Pull every line holding the string "Hotel" from the records below.

** Opening Information given block **

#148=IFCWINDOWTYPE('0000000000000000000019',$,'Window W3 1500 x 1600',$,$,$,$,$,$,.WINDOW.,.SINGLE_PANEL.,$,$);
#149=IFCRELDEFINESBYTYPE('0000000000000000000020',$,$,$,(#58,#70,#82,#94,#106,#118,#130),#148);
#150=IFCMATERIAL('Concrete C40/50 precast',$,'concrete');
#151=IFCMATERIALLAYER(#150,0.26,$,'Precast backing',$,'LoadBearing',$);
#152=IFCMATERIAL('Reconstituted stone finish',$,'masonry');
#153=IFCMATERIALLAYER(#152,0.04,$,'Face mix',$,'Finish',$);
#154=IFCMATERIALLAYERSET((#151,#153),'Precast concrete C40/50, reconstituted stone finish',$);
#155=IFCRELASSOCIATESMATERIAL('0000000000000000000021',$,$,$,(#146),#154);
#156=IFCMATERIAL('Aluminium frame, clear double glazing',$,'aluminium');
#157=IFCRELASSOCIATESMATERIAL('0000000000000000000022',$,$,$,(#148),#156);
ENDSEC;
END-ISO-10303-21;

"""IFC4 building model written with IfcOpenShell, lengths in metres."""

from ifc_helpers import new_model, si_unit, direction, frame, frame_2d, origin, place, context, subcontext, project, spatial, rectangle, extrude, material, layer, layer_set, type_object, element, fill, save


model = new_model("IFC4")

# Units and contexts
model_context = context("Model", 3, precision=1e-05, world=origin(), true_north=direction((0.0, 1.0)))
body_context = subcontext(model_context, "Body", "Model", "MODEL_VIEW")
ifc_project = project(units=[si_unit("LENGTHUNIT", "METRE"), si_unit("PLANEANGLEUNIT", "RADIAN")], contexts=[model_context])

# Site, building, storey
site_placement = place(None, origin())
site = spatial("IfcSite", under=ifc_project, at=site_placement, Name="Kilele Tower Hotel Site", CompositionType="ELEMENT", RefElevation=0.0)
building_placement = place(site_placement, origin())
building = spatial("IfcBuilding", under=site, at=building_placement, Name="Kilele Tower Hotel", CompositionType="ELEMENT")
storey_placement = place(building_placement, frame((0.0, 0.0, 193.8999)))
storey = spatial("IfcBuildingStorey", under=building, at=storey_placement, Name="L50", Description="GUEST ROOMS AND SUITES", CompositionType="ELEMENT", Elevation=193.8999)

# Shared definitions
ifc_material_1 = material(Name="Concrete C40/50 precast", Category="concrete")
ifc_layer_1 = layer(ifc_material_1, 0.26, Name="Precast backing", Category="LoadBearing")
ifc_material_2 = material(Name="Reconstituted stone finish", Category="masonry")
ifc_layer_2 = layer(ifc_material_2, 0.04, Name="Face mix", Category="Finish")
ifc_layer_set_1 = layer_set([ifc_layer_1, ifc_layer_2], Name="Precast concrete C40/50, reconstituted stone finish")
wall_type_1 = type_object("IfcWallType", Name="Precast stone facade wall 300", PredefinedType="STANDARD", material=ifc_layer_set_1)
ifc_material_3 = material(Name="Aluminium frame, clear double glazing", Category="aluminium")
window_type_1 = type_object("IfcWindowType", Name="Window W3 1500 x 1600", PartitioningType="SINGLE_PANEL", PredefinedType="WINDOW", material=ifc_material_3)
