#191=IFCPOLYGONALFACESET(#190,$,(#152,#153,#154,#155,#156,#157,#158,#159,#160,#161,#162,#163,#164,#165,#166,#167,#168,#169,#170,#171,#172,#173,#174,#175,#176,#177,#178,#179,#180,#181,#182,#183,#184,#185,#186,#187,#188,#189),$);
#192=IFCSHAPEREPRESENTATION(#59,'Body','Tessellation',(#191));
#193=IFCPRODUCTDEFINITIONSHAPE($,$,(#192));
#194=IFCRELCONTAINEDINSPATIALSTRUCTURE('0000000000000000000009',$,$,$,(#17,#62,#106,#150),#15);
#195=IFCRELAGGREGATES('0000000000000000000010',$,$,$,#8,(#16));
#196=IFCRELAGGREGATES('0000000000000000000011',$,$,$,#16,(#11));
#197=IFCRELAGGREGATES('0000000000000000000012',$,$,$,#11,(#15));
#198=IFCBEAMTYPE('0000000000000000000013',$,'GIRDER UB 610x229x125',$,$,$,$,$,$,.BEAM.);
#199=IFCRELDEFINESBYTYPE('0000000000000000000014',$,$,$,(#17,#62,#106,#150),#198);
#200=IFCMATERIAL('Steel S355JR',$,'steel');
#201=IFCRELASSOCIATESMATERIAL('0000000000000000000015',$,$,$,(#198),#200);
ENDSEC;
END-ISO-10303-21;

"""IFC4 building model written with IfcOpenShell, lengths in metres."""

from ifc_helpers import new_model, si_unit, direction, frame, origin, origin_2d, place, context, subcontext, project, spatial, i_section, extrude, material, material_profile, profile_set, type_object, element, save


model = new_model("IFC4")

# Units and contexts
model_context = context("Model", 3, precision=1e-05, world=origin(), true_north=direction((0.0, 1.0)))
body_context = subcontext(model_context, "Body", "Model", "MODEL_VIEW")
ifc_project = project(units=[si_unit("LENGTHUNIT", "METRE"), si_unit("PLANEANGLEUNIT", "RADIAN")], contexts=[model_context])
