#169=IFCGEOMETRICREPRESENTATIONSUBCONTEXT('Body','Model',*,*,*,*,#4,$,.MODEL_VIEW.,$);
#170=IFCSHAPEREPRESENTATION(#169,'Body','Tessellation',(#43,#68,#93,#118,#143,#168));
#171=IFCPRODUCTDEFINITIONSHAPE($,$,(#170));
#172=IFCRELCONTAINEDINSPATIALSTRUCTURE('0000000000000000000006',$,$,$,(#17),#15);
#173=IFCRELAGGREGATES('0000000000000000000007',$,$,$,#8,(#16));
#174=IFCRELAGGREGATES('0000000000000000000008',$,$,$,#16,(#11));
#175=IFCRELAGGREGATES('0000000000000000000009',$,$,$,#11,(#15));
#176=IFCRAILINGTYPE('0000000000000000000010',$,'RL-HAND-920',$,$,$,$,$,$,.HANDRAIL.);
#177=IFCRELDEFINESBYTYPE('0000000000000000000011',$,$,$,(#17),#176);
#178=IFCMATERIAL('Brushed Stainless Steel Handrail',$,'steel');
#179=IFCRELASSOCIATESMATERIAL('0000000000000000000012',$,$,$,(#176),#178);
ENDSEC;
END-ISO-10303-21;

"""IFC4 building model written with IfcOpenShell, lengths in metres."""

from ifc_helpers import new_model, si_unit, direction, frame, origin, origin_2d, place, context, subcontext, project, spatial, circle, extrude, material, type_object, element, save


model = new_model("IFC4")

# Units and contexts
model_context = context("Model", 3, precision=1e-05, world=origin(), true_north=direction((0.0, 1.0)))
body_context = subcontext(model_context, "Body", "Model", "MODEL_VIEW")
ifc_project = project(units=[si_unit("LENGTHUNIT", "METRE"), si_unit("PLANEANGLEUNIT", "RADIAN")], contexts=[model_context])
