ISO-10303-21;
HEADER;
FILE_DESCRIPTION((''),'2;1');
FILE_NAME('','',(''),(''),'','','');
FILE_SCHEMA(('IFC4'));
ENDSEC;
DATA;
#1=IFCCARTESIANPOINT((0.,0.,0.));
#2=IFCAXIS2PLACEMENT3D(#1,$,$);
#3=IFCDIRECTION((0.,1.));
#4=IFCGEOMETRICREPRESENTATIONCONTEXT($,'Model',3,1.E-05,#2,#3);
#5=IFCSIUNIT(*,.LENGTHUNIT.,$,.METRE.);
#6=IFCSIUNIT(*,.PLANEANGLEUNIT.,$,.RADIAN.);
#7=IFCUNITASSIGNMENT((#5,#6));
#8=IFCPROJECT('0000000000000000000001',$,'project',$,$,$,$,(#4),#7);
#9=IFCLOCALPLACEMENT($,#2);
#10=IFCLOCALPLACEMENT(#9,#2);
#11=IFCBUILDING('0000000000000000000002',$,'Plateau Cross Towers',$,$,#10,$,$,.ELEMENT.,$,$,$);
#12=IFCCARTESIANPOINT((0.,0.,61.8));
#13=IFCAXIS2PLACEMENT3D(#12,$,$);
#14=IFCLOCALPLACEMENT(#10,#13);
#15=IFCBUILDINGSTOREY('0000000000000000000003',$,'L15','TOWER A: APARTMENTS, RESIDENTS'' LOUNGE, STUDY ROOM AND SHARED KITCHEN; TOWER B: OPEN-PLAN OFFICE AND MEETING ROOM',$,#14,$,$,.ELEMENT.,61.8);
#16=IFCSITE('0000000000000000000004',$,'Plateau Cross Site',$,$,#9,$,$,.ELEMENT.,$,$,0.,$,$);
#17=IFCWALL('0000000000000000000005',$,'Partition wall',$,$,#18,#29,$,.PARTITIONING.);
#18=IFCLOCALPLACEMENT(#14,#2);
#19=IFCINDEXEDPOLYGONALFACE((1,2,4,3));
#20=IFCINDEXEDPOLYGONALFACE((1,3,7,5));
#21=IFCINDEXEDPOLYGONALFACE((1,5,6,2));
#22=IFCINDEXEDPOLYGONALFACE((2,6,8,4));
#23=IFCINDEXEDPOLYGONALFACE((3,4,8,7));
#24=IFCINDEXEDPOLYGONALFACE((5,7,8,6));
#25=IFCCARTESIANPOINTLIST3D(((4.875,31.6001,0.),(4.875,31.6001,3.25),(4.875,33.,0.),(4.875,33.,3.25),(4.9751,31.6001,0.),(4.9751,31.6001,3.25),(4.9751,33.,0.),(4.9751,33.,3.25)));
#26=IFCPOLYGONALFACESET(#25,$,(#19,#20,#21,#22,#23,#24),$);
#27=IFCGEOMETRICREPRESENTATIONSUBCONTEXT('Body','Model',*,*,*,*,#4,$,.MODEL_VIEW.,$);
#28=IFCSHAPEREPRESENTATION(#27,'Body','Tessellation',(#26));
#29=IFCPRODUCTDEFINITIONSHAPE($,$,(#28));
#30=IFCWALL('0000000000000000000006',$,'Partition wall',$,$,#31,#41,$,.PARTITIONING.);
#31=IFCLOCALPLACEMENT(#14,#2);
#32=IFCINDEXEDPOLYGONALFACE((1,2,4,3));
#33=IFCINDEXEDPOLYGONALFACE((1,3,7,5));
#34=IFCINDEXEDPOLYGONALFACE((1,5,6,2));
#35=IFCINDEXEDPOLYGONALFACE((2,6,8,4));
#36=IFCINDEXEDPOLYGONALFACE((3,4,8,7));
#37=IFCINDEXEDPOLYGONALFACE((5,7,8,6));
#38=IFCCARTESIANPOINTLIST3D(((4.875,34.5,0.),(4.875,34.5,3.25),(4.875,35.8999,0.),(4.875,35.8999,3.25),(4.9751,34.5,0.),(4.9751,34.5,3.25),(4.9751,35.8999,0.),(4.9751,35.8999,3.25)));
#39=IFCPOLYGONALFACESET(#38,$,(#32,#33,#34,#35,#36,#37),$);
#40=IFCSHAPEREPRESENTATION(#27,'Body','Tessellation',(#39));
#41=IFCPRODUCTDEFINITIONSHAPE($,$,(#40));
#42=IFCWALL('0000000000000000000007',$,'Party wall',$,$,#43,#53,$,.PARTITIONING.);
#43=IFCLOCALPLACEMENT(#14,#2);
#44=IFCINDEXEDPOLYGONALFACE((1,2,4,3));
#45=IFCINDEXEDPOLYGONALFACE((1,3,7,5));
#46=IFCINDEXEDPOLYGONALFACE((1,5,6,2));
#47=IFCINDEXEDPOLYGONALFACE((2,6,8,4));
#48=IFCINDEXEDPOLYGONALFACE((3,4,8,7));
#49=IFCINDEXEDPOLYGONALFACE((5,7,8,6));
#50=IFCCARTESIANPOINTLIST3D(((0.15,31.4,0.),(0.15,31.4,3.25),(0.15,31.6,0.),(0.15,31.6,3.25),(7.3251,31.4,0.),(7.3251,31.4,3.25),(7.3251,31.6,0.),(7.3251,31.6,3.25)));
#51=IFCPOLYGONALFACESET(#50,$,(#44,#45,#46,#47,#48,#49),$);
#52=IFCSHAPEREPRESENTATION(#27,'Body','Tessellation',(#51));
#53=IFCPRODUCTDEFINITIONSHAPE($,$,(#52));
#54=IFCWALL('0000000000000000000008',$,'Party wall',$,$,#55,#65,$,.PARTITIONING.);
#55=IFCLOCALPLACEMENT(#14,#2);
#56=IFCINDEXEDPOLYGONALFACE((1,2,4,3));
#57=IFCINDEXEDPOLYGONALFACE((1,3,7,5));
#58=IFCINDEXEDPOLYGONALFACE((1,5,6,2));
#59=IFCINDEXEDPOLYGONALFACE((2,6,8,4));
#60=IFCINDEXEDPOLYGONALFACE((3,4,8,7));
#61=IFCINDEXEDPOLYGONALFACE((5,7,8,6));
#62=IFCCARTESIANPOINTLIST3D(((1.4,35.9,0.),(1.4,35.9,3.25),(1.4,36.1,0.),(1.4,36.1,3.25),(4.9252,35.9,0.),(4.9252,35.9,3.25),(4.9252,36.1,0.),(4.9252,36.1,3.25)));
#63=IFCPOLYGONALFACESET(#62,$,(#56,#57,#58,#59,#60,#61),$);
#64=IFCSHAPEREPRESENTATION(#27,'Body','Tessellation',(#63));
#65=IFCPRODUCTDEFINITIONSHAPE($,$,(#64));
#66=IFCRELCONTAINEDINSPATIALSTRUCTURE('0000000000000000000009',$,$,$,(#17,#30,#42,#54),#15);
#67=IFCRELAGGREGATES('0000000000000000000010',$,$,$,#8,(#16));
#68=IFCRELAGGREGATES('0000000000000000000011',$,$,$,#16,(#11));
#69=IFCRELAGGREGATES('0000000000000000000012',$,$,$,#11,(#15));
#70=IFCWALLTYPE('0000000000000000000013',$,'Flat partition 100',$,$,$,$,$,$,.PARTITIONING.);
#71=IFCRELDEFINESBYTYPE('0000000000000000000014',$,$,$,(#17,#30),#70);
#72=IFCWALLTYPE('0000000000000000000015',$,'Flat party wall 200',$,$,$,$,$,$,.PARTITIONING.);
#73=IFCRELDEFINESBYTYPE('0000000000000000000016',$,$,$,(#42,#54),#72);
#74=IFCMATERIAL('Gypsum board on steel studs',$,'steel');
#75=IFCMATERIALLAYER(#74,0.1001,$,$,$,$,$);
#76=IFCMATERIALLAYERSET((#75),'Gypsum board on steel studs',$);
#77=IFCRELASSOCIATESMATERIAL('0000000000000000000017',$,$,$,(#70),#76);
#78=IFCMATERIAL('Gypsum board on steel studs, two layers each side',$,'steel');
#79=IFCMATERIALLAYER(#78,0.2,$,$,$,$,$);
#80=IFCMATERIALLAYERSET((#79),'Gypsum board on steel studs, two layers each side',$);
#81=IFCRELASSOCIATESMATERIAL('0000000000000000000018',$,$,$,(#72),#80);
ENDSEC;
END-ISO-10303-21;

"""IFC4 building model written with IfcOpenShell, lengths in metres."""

from ifc_helpers import new_model, si_unit, direction, frame, frame_2d, origin, place, context, subcontext, project, spatial, rectangle, extrude, material, layer, layer_set, type_object, element, save


model = new_model("IFC4")

# Units and contexts
model_context = context("Model", 3, precision=1e-05, world=origin(), true_north=direction((0.0, 1.0)))
body_context = subcontext(model_context, "Body", "Model", "MODEL_VIEW")
ifc_project = project(units=[si_unit("LENGTHUNIT", "METRE"), si_unit("PLANEANGLEUNIT", "RADIAN")], contexts=[model_context])

# Site, building, storey
site_placement = place(None, origin())
site = spatial("IfcSite", under=ifc_project, at=site_placement, Name="Plateau Cross Site", CompositionType="ELEMENT", RefElevation=0.0)
building_placement = place(site_placement, origin())
building = spatial("IfcBuilding", under=site, at=building_placement, Name="Plateau Cross Towers", CompositionType="ELEMENT")
storey_placement = place(building_placement, frame((0.0, 0.0, 61.8)))
storey = spatial("IfcBuildingStorey", under=building, at=storey_placement, Name="L15", Description="TOWER A: APARTMENTS, RESIDENTS' LOUNGE, STUDY ROOM AND SHARED KITCHEN; TOWER B: OPEN-PLAN OFFICE AND MEETING ROOM", CompositionType="ELEMENT", Elevation=61.8)

# Shared definitions
ifc_material_1 = material(Name="Gypsum board on steel studs", Category="steel")
ifc_layer_1 = layer(ifc_material_1, 0.1001)
ifc_layer_set_1 = layer_set([ifc_layer_1], Name="Gypsum board on steel studs")
wall_type_1 = type_object("IfcWallType", Name="Flat partition 100", PredefinedType="PARTITIONING", material=ifc_layer_set_1)

# Walls
for number, where, z_axis, x_axis, name in (
    (1, (4.925, 33.0, 0.0), (0.0, 0.0, 1.0), (0.0, -1.0, 0.0), "Partition wall"),
    (2, (4.925, 35.8999, 0.0), (0.0, 0.0, 1.0), (0.0, -1.0, 0.0), "Partition wall"),
):
    element("IfcWall", number, at=place(storey_placement, frame(where, z_axis=z_axis, x_axis=x_axis)), inside=storey, type_object=wall_type_1, Name=name, PredefinedType="PARTITIONING", context=body_context, shape_type="SweptSolid", body=[
        extrude(rectangle(XDim=1.3999, YDim=0.1001, at=frame_2d((0.7, 0.0))), origin(), (0.0, 0.0, 1.0), 3.25),
    ])
ifc_material_2 = material(Name="Gypsum board on steel studs, two layers each side", Category="steel")
ifc_layer_2 = layer(ifc_material_2, 0.2)
ifc_layer_set_2 = layer_set([ifc_layer_2], Name="Gypsum board on steel studs, two layers each side")
wall_type_2 = type_object("IfcWallType", Name="Flat party wall 200", PredefinedType="PARTITIONING", material=ifc_layer_set_2)
wall_1_placement = place(storey_placement, frame((7.325, 31.5, 0.0), z_axis=(0.0, 0.0, 1.0), x_axis=(-1.0, 0.0, 0.0)))
element("IfcWall", 3, at=wall_1_placement, inside=storey, type_object=wall_type_2, Name="Party wall", PredefinedType="PARTITIONING", context=body_context, shape_type="SweptSolid", body=[
    extrude(rectangle(XDim=7.175, YDim=0.2, at=frame_2d((3.5874, 0.0))), origin(), (0.0, 0.0, 1.0), 3.25),
])
wall_2_placement = place(storey_placement, frame((1.3999, 36.0, 0.0), z_axis=(0.0, 0.0, 1.0), x_axis=(1.0, 0.0, 0.0)))
element("IfcWall", 4, at=wall_2_placement, inside=storey, type_object=wall_type_2, Name="Party wall", PredefinedType="PARTITIONING", context=body_context, shape_type="SweptSolid", body=[
    extrude(rectangle(XDim=3.5251, YDim=0.2, at=frame_2d((1.7627, 0.0))), origin(), (0.0, 0.0, 1.0), 3.25),
])

save(model, "model.ifc")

** Closing Information given block **

Response to the exercise
site = spatial("IfcSite", under=ifc_project, at=site_placement, Name="Kilele Tower Hotel Site", CompositionType="ELEMENT", RefElevation=0.0)
building = spatial("IfcBuilding", under=site, at=building_placement, Name="Kilele Tower Hotel", CompositionType="ELEMENT")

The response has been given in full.